**Problem to solve:** If a line of the records contains the string "under", copy it out.

^^^^^^^^

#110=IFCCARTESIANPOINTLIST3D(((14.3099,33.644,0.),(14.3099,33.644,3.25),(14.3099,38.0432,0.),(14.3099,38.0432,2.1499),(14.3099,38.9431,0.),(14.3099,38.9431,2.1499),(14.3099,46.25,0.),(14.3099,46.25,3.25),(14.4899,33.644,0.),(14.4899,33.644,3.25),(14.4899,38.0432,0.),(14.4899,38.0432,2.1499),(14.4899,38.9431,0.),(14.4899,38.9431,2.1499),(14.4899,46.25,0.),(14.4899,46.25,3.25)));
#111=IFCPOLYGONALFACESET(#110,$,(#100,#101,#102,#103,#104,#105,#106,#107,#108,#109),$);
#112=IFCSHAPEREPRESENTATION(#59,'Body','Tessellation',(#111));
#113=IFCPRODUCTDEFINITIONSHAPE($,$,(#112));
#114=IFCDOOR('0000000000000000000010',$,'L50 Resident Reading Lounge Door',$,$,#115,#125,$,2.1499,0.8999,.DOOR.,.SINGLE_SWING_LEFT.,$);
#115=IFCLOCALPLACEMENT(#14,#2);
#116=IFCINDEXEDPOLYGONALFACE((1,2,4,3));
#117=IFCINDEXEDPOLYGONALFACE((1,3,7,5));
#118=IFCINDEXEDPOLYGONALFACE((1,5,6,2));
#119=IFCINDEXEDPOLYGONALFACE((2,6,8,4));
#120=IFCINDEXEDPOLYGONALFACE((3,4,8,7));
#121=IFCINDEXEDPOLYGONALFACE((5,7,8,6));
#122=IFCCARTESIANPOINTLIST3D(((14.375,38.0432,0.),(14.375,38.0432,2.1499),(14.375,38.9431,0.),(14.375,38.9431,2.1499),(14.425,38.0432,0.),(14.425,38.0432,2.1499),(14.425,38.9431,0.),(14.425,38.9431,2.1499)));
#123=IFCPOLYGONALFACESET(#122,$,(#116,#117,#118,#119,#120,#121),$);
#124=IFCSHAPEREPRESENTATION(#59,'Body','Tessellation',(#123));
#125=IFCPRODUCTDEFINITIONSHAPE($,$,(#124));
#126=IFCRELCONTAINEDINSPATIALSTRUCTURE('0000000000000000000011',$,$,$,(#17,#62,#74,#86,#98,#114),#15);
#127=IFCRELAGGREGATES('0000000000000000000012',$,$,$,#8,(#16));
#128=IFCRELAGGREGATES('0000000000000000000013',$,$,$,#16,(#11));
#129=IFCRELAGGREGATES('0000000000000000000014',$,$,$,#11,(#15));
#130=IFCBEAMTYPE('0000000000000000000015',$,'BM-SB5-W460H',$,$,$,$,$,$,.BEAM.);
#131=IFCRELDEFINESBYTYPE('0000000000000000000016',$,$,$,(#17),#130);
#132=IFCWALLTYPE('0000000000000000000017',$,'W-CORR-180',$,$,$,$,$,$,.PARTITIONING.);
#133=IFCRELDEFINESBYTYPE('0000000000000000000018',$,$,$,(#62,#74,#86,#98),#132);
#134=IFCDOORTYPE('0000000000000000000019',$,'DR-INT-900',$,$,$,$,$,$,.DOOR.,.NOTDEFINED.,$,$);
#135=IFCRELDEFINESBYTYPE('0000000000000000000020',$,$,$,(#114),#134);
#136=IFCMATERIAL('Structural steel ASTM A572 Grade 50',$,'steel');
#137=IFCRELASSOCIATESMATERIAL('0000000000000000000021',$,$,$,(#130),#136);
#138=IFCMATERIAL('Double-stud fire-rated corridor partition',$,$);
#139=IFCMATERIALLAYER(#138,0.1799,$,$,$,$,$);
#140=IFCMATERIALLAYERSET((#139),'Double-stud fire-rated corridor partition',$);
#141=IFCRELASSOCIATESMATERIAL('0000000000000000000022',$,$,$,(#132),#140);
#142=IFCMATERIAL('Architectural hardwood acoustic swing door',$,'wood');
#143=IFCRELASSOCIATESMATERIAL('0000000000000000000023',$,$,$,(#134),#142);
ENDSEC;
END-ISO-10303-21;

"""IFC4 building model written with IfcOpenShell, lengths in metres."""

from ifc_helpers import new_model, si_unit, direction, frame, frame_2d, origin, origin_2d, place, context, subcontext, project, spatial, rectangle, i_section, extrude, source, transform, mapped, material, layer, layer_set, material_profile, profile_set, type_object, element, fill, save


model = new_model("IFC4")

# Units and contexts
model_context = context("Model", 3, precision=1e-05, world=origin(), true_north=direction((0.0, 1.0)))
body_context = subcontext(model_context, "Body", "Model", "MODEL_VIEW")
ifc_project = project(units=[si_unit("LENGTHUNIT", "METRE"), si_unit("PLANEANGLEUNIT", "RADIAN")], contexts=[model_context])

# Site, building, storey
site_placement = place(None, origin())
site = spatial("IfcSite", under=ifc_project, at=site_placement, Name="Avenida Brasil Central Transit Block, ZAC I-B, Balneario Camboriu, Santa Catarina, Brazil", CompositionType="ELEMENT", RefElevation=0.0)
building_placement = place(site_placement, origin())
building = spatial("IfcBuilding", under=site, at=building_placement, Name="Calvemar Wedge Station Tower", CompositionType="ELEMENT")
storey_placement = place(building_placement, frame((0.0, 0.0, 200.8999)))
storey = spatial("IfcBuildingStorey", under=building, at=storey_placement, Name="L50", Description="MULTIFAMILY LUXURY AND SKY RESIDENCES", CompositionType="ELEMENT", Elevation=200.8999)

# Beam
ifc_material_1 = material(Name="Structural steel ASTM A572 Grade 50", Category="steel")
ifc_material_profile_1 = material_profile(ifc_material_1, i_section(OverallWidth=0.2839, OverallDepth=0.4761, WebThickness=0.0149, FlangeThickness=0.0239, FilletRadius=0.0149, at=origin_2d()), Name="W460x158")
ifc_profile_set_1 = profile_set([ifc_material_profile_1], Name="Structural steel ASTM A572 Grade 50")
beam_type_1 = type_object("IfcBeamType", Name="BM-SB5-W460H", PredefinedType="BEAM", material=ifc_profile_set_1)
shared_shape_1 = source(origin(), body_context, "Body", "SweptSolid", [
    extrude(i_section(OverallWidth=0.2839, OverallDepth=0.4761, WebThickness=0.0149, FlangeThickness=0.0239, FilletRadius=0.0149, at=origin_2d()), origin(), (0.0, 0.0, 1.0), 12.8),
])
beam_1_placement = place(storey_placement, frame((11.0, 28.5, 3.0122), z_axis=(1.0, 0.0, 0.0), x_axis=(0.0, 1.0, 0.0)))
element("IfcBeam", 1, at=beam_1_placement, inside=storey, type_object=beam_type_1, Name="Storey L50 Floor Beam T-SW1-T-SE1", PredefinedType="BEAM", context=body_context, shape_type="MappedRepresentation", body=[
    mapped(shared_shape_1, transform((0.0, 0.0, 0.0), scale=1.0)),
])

^^^^^^^^

**Answer section:**
site = spatial("IfcSite", under=ifc_project, at=site_placement, Name="Avenida Brasil Central Transit Block, ZAC I-B, Balneario Camboriu, Santa Catarina, Brazil", CompositionType="ELEMENT", RefElevation=0.0)
building = spatial("IfcBuilding", under=site, at=building_placement, Name="Calvemar Wedge Station Tower", CompositionType="ELEMENT")
storey = spatial("IfcBuildingStorey", under=building, at=storey_placement, Name="L50", Description="MULTIFAMILY LUXURY AND SKY RESIDENCES", CompositionType="ELEMENT", Elevation=200.8999)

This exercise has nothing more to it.